▸ **What to produce**
The span to repeat in the listing below runs from the line containing "#135=IFCINDEXEDPOLYGONALFACE((13,15,16,14));" to the line containing "#148=IFCINDEXEDPOLYGONALFACE((5,7,8,6));", inclusive. Repeat it exactly, and only it.

▸ **Available records**
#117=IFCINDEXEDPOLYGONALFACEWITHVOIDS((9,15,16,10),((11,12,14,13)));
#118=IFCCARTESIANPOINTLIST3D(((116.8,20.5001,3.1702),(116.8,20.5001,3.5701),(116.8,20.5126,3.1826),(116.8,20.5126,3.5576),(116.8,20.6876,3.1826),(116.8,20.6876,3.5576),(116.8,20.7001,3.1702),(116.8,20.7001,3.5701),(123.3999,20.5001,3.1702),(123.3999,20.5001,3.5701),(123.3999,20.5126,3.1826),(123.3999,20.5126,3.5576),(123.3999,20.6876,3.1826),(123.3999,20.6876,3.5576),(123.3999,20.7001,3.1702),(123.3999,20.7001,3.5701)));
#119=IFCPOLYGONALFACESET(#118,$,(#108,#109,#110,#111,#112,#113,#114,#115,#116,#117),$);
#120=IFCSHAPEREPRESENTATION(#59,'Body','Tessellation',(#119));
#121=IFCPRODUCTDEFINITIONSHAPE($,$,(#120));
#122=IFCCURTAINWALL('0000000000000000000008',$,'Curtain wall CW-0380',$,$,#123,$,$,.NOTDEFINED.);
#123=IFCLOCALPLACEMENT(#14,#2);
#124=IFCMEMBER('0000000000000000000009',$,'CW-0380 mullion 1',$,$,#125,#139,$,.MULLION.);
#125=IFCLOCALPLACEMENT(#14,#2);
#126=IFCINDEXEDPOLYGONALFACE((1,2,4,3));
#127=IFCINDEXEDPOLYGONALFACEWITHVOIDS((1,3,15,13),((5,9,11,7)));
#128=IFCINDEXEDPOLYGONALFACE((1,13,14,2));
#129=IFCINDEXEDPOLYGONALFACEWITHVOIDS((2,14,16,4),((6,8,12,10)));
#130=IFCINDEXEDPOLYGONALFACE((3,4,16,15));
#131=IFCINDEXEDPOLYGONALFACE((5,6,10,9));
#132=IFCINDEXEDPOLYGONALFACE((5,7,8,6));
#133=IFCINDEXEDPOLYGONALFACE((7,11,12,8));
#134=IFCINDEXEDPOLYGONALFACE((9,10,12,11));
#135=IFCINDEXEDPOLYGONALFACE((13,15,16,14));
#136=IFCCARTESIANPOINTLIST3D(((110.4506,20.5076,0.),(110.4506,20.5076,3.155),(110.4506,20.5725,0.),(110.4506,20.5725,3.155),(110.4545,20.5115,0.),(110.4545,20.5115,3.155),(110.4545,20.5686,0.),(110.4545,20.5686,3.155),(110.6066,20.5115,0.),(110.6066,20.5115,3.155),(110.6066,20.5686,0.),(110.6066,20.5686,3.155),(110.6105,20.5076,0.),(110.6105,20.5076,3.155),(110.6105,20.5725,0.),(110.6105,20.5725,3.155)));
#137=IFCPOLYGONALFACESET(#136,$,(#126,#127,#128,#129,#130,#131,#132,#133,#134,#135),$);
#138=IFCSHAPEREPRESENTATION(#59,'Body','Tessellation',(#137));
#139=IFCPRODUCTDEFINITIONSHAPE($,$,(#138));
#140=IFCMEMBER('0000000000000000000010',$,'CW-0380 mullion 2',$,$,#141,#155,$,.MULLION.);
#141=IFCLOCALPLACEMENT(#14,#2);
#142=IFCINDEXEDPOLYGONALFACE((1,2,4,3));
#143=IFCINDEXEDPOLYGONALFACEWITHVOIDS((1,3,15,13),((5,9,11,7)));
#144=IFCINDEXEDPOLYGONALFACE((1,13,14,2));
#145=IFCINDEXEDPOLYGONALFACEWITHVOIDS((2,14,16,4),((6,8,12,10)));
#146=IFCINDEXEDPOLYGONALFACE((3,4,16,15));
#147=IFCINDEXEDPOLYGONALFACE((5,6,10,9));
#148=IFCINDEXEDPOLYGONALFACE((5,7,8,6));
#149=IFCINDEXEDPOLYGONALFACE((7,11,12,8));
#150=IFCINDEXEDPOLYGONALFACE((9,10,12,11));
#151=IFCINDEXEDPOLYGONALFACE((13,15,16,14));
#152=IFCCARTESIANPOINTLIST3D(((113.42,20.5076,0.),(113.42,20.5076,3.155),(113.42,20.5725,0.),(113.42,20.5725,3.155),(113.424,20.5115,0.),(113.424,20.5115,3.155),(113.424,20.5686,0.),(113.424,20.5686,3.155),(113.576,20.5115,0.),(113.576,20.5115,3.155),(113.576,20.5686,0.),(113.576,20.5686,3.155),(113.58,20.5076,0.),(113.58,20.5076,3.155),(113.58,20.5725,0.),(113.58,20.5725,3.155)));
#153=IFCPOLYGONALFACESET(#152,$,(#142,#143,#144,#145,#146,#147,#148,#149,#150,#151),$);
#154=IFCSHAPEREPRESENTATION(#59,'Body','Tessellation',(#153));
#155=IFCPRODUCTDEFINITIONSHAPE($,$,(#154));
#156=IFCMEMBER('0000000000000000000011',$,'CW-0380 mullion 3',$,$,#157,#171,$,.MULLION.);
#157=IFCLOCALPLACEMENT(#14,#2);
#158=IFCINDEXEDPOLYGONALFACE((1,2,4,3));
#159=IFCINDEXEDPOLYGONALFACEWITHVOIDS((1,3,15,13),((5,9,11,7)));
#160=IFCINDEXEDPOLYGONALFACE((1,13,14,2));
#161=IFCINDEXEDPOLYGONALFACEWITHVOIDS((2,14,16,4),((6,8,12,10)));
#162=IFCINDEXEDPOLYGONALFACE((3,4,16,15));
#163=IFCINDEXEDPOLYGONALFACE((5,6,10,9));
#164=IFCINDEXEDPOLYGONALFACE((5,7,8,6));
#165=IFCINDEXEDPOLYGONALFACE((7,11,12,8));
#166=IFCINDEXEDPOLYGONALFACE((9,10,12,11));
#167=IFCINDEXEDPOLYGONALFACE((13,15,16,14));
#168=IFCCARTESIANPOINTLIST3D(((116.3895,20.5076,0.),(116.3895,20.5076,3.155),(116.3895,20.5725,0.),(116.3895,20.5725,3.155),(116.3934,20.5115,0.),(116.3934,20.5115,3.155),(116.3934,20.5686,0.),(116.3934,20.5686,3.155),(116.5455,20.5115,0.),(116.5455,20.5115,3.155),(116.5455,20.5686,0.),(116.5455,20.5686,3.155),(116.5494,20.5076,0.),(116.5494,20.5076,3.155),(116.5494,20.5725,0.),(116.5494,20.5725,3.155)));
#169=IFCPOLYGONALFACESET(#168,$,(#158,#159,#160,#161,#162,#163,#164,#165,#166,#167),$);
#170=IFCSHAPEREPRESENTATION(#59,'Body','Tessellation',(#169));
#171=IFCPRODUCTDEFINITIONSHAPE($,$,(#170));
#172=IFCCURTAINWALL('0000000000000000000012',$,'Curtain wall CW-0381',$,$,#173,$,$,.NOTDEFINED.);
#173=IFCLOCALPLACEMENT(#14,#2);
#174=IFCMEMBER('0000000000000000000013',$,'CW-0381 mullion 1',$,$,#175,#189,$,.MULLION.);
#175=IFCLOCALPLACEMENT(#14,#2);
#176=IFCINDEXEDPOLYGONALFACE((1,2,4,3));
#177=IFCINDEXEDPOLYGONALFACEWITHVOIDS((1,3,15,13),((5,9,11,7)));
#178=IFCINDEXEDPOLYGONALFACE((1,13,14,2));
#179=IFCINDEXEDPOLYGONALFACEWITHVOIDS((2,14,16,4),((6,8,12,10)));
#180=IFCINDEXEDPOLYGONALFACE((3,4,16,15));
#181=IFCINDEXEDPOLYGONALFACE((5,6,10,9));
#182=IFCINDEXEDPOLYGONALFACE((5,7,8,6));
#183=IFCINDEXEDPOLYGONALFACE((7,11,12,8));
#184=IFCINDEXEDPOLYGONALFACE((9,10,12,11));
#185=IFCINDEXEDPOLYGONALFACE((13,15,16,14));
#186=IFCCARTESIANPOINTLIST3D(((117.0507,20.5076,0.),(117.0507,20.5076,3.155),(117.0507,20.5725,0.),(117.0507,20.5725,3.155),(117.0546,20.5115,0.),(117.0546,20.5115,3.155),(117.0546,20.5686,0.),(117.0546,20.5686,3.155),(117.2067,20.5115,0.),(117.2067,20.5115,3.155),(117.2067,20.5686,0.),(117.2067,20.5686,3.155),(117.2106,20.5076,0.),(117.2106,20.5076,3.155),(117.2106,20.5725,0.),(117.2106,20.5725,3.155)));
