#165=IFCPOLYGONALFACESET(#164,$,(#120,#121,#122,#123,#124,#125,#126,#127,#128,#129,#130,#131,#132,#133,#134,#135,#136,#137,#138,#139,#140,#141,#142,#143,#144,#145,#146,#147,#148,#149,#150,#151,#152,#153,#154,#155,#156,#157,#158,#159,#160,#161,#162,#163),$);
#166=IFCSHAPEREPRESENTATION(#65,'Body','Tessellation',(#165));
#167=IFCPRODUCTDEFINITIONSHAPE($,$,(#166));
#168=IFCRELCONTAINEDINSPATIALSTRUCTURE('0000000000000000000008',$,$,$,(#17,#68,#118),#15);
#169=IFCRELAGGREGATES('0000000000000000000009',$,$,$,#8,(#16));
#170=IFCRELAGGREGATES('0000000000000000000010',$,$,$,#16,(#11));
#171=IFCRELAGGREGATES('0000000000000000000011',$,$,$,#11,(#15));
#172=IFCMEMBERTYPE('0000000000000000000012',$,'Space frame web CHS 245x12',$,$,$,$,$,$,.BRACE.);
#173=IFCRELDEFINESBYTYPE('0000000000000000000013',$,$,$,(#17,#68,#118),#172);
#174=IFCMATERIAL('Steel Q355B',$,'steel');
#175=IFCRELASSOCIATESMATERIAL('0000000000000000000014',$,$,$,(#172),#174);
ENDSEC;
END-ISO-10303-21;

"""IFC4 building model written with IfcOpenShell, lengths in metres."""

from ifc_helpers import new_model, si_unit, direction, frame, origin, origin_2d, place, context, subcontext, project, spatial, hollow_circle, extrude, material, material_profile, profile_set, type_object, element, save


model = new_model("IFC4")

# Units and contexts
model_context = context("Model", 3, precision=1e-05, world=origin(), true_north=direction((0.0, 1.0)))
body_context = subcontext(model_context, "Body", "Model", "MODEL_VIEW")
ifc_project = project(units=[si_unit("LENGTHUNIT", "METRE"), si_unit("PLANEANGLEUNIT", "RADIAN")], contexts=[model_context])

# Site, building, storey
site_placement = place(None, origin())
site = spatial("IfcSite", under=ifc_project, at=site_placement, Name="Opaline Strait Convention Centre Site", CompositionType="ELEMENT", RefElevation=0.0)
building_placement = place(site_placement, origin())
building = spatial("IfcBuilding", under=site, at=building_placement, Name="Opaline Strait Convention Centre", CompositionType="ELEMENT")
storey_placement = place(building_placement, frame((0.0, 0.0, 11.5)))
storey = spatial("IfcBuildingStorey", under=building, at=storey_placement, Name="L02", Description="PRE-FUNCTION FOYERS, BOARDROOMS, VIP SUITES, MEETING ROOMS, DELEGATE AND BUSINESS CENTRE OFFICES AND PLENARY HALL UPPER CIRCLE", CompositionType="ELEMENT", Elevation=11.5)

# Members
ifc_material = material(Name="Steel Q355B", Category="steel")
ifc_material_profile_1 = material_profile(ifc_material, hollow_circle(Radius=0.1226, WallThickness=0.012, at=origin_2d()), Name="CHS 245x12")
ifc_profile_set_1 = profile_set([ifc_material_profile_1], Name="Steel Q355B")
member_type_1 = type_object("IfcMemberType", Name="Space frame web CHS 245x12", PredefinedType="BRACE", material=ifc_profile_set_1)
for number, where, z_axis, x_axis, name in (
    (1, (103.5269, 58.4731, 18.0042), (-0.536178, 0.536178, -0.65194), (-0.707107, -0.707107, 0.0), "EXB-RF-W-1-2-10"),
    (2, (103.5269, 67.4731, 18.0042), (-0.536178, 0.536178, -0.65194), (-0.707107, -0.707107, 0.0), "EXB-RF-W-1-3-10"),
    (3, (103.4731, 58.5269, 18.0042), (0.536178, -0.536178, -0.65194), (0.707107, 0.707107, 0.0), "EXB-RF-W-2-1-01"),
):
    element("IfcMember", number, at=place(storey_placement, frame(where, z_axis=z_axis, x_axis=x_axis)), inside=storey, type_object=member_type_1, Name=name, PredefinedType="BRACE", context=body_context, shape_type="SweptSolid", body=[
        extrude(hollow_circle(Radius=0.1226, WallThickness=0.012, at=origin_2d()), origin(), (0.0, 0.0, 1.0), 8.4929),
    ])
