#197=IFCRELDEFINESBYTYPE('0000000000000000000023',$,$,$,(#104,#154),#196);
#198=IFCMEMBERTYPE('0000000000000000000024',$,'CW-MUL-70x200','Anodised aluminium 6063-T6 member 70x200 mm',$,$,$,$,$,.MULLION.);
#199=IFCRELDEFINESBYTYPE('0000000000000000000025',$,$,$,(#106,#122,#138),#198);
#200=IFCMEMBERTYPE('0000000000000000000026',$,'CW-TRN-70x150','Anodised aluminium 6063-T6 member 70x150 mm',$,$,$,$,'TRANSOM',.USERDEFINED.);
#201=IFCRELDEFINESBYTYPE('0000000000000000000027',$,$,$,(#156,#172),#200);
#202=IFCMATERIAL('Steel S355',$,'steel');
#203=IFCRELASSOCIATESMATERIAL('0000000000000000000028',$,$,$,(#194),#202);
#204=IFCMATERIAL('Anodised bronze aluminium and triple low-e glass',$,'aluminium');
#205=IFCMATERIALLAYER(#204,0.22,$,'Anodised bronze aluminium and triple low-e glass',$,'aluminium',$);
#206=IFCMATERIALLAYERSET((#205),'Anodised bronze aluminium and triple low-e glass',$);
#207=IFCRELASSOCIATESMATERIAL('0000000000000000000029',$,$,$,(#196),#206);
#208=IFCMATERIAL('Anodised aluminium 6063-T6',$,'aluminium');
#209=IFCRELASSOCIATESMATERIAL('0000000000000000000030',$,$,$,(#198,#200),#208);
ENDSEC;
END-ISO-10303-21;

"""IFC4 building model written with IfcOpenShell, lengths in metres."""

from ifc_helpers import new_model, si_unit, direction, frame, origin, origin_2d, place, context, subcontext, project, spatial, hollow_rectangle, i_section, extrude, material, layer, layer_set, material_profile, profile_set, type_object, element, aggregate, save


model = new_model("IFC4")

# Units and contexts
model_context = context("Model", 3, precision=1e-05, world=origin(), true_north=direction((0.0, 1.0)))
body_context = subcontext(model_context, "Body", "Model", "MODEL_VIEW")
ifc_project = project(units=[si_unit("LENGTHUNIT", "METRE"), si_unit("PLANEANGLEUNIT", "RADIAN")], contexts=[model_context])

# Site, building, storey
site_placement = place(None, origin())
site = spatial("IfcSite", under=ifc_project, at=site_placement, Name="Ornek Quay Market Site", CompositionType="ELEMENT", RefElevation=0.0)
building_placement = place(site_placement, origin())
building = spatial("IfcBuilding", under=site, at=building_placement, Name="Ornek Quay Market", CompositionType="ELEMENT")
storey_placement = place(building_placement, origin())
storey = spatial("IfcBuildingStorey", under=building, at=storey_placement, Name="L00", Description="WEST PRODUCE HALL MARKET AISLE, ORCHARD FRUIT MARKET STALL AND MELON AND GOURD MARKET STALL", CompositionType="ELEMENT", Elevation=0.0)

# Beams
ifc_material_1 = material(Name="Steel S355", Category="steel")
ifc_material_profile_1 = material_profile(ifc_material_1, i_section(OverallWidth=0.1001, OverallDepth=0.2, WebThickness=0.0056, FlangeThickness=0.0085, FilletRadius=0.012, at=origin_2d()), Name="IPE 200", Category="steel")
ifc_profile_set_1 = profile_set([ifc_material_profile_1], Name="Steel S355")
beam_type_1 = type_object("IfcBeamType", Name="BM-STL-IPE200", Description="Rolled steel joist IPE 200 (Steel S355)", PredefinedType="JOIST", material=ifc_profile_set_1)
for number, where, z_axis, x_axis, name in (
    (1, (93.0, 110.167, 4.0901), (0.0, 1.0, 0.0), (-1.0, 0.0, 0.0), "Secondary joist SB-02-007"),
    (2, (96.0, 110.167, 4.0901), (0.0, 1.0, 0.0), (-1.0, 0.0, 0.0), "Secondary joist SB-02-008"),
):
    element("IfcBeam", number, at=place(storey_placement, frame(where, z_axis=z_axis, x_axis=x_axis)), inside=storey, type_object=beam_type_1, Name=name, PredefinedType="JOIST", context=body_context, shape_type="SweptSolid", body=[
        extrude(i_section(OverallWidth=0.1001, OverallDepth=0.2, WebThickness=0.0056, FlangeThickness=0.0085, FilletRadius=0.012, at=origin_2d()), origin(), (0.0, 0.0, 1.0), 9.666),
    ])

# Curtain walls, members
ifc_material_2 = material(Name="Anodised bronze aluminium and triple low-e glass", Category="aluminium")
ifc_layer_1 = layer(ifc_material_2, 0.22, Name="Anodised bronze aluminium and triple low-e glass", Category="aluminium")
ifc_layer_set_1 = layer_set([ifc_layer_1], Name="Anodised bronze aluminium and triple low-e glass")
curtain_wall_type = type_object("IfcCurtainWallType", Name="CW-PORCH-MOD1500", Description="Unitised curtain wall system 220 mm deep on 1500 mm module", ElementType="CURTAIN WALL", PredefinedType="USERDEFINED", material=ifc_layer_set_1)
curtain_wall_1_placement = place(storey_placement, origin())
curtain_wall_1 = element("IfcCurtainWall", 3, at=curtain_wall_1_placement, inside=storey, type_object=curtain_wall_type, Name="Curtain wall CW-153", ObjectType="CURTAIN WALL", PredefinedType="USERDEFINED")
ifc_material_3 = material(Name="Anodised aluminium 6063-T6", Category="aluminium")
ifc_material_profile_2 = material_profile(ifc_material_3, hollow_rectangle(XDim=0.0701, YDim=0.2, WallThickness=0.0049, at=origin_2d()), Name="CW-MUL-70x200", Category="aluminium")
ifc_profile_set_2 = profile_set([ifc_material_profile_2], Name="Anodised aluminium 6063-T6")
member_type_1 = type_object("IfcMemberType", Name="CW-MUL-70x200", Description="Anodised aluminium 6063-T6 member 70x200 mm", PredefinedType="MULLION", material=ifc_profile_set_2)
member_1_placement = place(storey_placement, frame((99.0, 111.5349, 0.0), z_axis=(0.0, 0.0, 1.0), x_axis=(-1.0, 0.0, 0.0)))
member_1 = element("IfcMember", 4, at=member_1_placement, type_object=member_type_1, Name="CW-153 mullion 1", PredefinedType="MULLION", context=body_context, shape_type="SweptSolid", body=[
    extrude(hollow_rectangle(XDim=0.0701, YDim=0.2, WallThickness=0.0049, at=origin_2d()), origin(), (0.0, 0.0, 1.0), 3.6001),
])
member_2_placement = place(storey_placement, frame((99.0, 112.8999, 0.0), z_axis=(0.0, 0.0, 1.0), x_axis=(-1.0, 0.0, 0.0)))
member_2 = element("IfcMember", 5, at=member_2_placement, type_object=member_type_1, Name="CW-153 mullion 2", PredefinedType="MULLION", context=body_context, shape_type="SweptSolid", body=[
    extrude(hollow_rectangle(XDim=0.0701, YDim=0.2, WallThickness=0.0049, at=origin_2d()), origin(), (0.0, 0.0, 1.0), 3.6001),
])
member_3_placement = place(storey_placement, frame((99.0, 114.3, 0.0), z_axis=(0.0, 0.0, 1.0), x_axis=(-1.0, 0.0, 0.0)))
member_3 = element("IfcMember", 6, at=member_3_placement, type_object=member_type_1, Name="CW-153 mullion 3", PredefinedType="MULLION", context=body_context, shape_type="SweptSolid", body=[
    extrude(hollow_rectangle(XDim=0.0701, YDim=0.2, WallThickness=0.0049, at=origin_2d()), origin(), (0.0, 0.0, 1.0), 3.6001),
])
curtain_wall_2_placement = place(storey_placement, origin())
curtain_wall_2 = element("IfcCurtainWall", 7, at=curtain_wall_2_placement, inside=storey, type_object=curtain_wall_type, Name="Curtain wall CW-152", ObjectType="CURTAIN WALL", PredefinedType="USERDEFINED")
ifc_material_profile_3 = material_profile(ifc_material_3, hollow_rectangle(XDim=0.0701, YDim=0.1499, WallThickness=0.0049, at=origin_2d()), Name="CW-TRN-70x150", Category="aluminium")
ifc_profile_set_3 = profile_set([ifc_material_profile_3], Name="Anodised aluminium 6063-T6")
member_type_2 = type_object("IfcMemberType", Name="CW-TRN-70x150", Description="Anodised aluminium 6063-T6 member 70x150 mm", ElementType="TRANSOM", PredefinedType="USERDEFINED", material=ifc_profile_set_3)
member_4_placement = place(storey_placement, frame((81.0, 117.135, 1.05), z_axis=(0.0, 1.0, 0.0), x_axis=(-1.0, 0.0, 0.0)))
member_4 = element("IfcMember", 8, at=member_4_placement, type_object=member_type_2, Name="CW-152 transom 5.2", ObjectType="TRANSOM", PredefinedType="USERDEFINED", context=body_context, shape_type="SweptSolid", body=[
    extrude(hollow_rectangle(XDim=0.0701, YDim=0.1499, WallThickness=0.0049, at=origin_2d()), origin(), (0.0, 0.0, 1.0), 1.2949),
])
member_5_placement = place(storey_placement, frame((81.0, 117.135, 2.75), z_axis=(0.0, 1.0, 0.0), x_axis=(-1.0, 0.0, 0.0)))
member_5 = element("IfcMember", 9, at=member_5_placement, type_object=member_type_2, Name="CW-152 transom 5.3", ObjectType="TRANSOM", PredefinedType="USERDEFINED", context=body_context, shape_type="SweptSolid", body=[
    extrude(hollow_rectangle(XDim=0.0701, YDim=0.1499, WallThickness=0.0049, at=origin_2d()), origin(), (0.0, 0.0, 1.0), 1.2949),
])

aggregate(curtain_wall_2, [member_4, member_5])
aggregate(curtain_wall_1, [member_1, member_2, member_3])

▸ **Answer box**
#135=IFCINDEXEDPOLYGONALFACE((13,15,16,14));
#136=IFCCARTESIANPOINTLIST3D(((110.4506,20.5076,0.),(110.4506,20.5076,3.155),(110.4506,20.5725,0.),(110.4506,20.5725,3.155),(110.4545,20.5115,0.),(110.4545,20.5115,3.155),(110.4545,20.5686,0.),(110.4545,20.5686,3.155),(110.6066,20.5115,0.),(110.6066,20.5115,3.155),(110.6066,20.5686,0.),(110.6066,20.5686,3.155),(110.6105,20.5076,0.),(110.6105,20.5076,3.155),(110.6105,20.5725,0.),(110.6105,20.5725,3.155)));
#137=IFCPOLYGONALFACESET(#136,$,(#126,#127,#128,#129,#130,#131,#132,#133,#134,#135),$);
#138=IFCSHAPEREPRESENTATION(#59,'Body','Tessellation',(#137));
#139=IFCPRODUCTDEFINITIONSHAPE($,$,(#138));
#140=IFCMEMBER('0000000000000000000010',$,'CW-0380 mullion 2',$,$,#141,#155,$,.MULLION.);
#141=IFCLOCALPLACEMENT(#14,#2);
#142=IFCINDEXEDPOLYGONALFACE((1,2,4,3));
#143=IFCINDEXEDPOLYGONALFACEWITHVOIDS((1,3,15,13),((5,9,11,7)));
#144=IFCINDEXEDPOLYGONALFACE((1,13,14,2));
#145=IFCINDEXEDPOLYGONALFACEWITHVOIDS((2,14,16,4),((6,8,12,10)));
#146=IFCINDEXEDPOLYGONALFACE((3,4,16,15));
#147=IFCINDEXEDPOLYGONALFACE((5,6,10,9));
#148=IFCINDEXEDPOLYGONALFACE((5,7,8,6));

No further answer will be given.